#### INSTRUCTIONS TO FOLLOW:
If a line in the records below holds the string "where", count it; give only the total.

Top of RECORDS

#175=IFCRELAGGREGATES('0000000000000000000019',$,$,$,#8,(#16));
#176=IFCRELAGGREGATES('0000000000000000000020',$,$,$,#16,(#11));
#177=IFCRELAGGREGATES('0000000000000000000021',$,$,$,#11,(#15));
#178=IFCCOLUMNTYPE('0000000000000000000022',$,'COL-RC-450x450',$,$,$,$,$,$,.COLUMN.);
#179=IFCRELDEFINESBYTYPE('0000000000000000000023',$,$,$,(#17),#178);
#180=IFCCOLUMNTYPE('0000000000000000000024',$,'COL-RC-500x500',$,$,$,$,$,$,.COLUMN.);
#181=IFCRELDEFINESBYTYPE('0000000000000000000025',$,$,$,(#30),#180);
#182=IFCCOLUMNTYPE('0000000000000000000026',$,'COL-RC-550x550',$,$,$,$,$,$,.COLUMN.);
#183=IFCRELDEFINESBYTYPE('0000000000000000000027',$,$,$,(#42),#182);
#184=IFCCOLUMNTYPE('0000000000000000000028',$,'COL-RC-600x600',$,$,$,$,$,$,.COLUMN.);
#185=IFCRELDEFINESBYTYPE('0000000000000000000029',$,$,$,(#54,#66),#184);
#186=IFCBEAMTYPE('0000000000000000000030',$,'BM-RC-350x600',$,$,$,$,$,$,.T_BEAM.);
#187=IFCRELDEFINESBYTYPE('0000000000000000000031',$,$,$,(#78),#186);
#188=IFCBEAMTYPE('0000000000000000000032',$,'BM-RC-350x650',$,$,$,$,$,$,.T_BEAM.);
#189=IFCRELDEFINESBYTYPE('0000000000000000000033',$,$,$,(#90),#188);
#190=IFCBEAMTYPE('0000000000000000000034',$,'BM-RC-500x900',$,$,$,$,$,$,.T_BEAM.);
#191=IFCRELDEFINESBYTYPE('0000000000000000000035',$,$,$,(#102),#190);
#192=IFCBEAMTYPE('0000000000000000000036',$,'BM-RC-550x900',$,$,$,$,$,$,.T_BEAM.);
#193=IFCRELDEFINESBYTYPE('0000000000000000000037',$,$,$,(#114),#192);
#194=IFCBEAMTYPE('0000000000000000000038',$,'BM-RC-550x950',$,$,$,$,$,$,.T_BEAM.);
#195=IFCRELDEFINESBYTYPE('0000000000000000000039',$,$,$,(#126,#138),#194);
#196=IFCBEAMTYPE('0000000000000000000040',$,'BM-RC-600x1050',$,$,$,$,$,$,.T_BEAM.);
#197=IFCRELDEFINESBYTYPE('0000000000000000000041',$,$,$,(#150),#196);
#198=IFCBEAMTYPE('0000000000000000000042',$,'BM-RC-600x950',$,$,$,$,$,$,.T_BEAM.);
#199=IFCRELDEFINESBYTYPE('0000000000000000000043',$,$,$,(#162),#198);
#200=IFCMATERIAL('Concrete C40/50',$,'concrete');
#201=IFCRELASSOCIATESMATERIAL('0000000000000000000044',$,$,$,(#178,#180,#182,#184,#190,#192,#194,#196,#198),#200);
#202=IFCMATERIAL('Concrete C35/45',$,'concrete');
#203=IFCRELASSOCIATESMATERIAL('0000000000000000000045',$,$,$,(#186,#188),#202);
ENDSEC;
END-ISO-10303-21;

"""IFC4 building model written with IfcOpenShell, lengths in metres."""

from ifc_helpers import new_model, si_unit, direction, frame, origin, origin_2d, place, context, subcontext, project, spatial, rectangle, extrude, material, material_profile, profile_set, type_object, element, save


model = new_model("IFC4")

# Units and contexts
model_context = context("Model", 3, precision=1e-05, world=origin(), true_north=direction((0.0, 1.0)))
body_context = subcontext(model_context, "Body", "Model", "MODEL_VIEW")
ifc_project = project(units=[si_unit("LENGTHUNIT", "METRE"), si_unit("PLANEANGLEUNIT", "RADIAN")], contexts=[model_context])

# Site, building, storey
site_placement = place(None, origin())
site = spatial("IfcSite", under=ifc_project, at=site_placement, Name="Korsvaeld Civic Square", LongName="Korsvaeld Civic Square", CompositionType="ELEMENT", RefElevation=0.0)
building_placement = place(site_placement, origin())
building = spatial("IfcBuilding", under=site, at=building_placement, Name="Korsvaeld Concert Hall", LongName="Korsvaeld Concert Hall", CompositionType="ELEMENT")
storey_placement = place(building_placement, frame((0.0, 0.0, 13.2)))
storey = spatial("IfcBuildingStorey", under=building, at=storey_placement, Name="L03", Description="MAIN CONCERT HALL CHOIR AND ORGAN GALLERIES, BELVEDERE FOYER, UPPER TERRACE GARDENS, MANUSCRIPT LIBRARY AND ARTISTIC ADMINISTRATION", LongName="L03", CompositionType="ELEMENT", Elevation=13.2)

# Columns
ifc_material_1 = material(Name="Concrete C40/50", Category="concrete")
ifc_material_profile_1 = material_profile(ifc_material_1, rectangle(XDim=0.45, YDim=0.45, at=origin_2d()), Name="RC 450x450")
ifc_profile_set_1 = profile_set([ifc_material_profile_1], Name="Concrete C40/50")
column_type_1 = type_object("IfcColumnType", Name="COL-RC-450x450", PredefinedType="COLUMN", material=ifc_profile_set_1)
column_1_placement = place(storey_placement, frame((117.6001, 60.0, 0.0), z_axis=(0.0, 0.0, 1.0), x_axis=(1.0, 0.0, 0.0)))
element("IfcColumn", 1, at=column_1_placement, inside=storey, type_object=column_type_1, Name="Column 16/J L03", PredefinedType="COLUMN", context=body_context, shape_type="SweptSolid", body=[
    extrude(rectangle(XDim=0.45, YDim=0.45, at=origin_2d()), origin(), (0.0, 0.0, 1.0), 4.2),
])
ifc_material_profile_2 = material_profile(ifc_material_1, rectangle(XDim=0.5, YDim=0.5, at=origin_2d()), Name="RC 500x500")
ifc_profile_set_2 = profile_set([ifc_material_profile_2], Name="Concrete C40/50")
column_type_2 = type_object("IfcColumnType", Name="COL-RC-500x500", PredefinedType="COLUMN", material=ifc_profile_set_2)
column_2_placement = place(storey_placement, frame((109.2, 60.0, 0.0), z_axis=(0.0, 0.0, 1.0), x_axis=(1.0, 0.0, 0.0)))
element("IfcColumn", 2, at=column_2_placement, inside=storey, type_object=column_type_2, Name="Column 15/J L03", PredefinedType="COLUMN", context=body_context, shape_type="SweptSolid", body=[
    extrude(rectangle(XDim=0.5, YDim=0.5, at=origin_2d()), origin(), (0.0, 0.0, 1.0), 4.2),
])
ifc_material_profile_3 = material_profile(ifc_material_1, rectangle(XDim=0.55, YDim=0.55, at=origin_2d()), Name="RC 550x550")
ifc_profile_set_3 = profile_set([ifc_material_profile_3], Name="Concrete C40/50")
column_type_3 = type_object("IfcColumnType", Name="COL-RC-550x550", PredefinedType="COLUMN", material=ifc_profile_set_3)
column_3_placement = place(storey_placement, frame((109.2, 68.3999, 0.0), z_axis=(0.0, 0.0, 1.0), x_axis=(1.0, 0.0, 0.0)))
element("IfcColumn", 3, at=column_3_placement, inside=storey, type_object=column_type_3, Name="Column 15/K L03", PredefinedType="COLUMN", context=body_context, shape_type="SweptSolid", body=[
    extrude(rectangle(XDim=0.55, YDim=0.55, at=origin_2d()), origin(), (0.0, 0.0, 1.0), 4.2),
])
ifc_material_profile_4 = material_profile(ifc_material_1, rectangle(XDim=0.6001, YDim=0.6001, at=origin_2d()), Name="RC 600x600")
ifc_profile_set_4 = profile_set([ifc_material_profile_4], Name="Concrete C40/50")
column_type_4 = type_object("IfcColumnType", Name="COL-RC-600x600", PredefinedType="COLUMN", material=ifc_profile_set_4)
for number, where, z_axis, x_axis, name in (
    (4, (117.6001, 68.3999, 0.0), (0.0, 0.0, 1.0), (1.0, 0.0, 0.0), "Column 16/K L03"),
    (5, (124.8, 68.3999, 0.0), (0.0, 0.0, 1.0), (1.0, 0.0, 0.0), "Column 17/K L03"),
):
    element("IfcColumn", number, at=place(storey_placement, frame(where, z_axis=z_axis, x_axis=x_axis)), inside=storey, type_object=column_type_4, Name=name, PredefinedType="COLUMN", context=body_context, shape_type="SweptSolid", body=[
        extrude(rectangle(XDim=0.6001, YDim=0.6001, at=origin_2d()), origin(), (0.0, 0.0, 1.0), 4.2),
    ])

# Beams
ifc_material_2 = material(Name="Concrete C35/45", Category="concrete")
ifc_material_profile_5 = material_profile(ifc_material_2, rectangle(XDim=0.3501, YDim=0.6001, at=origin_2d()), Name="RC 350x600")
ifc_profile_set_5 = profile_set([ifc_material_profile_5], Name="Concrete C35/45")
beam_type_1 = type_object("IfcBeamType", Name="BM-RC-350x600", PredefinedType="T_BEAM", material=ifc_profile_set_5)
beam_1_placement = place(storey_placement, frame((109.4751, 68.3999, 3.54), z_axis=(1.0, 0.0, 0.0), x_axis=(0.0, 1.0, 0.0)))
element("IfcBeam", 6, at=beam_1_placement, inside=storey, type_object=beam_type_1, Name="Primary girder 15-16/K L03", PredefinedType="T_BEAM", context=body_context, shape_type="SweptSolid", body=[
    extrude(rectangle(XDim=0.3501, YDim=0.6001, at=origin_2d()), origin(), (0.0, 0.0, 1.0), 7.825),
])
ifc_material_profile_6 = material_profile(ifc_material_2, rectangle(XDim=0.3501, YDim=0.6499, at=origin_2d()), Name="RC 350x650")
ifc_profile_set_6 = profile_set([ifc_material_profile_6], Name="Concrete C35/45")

Bottom of RECORDS
Top of RECORDS

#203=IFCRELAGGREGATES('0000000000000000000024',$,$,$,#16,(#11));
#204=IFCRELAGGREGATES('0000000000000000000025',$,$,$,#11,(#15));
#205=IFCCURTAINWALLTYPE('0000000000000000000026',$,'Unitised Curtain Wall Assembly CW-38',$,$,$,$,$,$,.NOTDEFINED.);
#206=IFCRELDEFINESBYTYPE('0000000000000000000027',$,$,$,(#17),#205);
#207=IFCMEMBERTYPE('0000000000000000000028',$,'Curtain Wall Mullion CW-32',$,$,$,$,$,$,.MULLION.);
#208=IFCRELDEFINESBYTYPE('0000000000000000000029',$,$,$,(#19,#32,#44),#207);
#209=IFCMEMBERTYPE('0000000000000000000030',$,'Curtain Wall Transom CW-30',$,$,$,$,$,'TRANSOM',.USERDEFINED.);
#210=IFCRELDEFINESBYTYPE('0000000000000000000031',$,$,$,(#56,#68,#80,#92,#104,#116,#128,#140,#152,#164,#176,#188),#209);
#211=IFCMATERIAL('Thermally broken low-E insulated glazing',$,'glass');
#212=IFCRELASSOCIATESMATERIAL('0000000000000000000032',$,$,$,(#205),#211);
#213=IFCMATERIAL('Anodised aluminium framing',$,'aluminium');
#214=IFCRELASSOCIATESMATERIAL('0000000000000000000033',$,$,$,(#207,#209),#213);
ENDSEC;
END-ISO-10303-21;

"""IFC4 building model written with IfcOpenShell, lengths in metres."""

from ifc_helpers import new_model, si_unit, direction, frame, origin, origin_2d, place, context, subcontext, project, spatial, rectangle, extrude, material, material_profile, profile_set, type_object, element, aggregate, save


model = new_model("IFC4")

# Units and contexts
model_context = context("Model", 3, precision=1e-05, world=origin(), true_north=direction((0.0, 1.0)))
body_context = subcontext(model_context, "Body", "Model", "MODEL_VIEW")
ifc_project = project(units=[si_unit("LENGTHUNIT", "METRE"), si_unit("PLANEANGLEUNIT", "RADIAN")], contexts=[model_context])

Bottom of RECORDS

#### RESPONSE TO THIS TASK:
2